Source data

---------------

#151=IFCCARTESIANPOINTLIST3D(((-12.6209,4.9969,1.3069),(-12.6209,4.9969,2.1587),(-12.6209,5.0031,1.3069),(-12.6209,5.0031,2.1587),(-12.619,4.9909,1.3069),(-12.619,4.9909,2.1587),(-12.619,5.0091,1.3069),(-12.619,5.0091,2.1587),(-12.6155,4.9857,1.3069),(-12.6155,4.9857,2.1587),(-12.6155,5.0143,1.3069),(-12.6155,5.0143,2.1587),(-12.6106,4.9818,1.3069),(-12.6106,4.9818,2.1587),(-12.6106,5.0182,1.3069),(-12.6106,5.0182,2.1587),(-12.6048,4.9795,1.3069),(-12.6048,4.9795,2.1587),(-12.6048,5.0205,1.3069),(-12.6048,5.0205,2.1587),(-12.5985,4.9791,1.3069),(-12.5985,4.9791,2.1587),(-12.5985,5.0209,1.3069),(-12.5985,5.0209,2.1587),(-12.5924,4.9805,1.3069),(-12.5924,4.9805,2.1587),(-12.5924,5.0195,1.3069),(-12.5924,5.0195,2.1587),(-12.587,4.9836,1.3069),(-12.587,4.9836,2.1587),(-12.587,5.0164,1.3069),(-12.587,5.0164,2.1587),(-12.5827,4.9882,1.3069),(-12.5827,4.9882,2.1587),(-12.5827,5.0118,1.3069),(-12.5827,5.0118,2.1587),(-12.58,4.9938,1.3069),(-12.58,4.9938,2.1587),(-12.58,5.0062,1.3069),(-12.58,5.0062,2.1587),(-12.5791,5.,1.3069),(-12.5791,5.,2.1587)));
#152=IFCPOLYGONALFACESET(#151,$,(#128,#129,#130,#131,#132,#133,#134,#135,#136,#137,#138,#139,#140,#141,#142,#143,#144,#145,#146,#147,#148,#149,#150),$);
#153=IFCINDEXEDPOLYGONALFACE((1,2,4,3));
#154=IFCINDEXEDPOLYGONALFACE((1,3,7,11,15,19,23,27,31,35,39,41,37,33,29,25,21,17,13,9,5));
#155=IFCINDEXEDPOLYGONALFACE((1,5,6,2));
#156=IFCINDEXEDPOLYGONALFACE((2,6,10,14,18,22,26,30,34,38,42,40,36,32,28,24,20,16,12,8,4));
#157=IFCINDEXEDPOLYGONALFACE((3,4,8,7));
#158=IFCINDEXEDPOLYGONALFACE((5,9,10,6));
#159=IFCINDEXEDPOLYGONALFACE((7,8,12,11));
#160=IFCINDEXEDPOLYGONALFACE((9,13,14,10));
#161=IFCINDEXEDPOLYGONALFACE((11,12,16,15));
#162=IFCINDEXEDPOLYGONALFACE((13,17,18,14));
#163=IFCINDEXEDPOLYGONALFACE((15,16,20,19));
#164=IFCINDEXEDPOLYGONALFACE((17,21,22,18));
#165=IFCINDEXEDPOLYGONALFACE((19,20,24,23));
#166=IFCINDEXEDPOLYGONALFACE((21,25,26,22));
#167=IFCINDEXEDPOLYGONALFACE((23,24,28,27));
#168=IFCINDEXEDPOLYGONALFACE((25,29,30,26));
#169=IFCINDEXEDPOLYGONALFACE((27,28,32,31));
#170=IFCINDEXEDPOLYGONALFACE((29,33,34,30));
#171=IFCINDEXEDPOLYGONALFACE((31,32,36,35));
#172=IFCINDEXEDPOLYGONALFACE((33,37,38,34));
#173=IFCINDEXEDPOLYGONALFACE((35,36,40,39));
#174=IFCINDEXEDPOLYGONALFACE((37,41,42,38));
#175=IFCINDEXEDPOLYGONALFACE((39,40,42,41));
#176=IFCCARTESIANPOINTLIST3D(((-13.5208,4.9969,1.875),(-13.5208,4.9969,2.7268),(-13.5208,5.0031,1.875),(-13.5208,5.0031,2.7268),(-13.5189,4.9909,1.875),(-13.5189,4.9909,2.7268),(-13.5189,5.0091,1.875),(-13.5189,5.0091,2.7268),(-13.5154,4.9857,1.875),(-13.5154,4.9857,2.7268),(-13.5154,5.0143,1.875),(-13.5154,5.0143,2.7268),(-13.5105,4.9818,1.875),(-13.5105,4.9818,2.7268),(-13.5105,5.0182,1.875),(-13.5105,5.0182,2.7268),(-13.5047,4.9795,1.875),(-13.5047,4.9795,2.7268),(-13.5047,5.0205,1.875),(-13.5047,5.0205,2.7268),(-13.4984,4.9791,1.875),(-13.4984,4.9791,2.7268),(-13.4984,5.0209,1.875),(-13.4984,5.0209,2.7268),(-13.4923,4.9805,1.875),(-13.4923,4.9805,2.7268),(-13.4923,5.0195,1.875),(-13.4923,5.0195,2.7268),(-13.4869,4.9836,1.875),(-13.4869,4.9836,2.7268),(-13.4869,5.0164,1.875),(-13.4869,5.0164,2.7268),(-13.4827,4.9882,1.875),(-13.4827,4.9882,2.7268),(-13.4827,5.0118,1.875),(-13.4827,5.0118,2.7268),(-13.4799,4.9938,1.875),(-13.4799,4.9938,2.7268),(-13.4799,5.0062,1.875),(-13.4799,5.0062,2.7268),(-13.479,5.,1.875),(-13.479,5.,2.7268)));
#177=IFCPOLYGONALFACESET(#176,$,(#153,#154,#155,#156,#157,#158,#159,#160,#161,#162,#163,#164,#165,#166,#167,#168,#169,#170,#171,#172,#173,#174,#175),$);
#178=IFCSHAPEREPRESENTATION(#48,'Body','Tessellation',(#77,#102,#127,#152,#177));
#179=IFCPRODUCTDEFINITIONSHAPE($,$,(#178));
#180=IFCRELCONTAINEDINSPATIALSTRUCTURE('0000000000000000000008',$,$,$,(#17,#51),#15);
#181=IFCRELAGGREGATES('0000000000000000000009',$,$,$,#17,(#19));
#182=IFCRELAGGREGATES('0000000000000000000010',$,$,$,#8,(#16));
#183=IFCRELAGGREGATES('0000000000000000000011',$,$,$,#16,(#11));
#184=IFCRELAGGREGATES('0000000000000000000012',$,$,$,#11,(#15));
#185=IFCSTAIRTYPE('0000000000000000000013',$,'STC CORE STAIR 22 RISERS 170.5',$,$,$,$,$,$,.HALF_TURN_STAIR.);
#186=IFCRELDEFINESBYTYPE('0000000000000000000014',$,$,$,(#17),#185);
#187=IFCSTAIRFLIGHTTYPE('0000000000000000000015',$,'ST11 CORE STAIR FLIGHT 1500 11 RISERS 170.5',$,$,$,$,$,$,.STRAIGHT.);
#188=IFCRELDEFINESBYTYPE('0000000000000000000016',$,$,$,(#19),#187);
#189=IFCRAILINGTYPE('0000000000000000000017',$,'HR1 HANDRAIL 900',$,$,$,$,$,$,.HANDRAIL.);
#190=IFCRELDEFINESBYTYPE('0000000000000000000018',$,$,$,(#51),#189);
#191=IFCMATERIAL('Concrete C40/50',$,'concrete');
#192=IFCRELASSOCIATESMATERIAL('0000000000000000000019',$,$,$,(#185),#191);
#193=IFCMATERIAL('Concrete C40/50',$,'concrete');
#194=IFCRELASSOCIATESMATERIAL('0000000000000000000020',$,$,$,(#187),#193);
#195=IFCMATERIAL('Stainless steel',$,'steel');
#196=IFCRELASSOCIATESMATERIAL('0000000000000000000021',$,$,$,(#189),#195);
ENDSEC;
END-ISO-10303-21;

---------------

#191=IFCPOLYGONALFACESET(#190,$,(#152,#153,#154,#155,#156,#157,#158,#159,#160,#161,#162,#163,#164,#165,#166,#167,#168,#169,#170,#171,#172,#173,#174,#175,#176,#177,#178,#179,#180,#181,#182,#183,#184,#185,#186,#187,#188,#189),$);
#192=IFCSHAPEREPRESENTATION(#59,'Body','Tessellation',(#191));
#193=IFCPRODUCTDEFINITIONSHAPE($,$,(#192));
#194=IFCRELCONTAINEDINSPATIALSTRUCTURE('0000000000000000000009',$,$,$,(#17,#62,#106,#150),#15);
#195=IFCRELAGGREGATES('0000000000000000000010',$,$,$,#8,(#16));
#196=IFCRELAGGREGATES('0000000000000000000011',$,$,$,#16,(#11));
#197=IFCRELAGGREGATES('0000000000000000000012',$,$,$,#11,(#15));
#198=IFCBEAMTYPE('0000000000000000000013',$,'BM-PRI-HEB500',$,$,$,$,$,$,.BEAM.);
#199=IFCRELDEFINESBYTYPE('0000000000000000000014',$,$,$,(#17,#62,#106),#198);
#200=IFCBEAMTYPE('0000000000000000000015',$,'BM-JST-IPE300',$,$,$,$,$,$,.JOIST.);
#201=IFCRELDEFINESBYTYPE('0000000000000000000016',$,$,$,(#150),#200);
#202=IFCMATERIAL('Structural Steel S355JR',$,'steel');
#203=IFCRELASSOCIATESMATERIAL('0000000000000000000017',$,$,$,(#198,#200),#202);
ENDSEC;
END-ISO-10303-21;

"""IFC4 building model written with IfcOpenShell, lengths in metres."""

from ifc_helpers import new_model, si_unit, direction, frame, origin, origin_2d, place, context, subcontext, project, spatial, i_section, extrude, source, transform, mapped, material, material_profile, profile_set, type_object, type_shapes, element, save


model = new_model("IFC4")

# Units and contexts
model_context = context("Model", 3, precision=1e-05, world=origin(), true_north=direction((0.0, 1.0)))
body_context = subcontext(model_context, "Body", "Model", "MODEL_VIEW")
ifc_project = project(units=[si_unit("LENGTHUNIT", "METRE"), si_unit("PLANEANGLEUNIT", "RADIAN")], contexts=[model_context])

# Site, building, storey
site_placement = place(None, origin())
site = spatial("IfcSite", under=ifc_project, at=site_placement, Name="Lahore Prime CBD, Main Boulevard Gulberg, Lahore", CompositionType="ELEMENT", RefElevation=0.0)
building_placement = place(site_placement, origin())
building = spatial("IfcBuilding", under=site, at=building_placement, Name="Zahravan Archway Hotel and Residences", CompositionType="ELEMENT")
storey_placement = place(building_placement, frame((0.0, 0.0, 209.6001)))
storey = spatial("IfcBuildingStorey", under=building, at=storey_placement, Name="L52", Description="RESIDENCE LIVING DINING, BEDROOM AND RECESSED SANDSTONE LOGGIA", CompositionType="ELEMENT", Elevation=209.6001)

---------------

- Instructions for the task
For this exercise, repeat exactly the lines of the data above from the one with "#165=IFCINDEXEDPOLYGONALFACE((19,20,24,23));" down to the one with "#175=IFCINDEXEDPOLYGONALFACE((39,40,42,41));", both end lines included.

- Answer for the task
#165=IFCINDEXEDPOLYGONALFACE((19,20,24,23));
#166=IFCINDEXEDPOLYGONALFACE((21,25,26,22));
#167=IFCINDEXEDPOLYGONALFACE((23,24,28,27));
#168=IFCINDEXEDPOLYGONALFACE((25,29,30,26));
#169=IFCINDEXEDPOLYGONALFACE((27,28,32,31));
#170=IFCINDEXEDPOLYGONALFACE((29,33,34,30));
#171=IFCINDEXEDPOLYGONALFACE((31,32,36,35));
#172=IFCINDEXEDPOLYGONALFACE((33,37,38,34));
#173=IFCINDEXEDPOLYGONALFACE((35,36,40,39));
#174=IFCINDEXEDPOLYGONALFACE((37,41,42,38));
#175=IFCINDEXEDPOLYGONALFACE((39,40,42,41));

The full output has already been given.